**The task**
Going from the top of the data below, give again each line through the one containing "#137=IFCINDEXEDPOLYGONALFACE((31,32,36,35));", both ends kept.

· · · ·

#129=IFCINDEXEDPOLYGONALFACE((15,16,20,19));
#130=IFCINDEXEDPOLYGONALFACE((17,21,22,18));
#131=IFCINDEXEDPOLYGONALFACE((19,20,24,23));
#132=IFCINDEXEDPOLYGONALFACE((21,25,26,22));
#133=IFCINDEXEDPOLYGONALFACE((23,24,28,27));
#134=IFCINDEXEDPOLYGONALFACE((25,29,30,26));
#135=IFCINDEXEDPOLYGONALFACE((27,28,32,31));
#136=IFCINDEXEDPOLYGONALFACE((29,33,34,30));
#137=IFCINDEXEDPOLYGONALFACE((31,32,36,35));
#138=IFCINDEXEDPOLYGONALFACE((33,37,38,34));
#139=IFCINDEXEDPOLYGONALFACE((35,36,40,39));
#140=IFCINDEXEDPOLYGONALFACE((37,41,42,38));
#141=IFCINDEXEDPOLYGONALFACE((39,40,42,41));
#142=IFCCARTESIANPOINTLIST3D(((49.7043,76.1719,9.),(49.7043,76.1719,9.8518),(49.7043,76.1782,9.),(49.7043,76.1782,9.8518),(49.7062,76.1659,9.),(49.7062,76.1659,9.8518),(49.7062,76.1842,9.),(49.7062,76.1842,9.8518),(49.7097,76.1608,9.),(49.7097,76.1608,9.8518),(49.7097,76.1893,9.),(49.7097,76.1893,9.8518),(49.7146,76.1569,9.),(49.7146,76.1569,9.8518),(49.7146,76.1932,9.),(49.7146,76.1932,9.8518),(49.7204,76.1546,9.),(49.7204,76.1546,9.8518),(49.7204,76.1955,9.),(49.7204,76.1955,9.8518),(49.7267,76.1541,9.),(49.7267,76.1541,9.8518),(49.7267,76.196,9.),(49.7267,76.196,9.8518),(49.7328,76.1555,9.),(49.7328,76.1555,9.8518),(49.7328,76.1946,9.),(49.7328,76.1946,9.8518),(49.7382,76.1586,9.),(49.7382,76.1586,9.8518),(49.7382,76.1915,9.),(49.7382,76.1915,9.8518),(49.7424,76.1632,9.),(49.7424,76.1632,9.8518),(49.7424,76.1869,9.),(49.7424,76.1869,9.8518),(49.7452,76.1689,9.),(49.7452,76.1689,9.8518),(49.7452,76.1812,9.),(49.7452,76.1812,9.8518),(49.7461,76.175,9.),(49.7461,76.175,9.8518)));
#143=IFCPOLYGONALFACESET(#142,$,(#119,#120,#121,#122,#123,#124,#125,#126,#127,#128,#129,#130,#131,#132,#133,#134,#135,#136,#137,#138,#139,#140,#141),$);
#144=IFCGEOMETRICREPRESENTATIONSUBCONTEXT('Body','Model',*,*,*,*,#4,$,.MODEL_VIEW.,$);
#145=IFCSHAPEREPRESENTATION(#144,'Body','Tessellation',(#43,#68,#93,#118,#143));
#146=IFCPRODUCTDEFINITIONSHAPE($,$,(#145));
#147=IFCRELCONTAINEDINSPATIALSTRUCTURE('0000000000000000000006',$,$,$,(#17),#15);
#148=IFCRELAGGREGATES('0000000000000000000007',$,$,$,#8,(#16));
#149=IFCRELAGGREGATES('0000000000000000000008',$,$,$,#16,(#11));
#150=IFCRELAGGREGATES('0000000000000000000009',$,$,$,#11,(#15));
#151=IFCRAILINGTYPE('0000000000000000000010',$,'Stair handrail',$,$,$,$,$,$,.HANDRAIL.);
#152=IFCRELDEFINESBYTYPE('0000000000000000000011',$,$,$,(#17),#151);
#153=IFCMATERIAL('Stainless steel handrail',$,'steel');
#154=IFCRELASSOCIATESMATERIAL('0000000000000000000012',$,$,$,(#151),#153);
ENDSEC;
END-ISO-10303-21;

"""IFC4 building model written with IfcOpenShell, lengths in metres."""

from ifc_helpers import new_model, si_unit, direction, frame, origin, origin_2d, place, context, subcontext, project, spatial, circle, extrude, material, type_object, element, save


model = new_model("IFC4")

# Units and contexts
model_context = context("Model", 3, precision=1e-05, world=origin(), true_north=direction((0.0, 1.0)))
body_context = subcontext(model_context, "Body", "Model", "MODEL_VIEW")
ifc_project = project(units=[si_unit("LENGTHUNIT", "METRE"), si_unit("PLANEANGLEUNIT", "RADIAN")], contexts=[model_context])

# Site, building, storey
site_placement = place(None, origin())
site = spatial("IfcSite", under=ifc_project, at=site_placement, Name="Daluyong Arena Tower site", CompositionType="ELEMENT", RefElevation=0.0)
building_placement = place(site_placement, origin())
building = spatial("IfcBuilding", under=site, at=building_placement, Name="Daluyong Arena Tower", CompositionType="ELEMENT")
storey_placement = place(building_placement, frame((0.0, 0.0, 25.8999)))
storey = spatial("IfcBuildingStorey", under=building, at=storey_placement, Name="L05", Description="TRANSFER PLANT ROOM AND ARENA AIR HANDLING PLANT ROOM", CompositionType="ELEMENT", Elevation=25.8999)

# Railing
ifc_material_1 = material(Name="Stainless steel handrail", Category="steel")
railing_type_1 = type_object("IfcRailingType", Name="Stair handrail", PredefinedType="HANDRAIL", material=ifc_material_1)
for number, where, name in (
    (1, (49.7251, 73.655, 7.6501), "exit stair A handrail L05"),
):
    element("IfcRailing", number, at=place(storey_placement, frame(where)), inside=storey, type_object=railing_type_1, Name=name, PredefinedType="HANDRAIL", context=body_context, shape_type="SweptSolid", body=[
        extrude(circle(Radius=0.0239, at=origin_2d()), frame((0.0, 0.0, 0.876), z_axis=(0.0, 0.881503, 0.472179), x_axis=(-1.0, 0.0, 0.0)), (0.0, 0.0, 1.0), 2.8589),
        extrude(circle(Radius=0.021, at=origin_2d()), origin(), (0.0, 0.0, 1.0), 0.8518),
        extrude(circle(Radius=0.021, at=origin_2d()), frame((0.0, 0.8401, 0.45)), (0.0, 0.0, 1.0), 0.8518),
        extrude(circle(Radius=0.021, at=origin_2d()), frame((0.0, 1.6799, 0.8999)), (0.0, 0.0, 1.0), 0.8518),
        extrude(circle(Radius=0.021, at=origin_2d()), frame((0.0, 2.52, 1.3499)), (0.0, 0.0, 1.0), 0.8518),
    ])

· · · ·

**Result below**
#129=IFCINDEXEDPOLYGONALFACE((15,16,20,19));
#130=IFCINDEXEDPOLYGONALFACE((17,21,22,18));
#131=IFCINDEXEDPOLYGONALFACE((19,20,24,23));
#132=IFCINDEXEDPOLYGONALFACE((21,25,26,22));
#133=IFCINDEXEDPOLYGONALFACE((23,24,28,27));
#134=IFCINDEXEDPOLYGONALFACE((25,29,30,26));
#135=IFCINDEXEDPOLYGONALFACE((27,28,32,31));
#136=IFCINDEXEDPOLYGONALFACE((29,33,34,30));
#137=IFCINDEXEDPOLYGONALFACE((31,32,36,35));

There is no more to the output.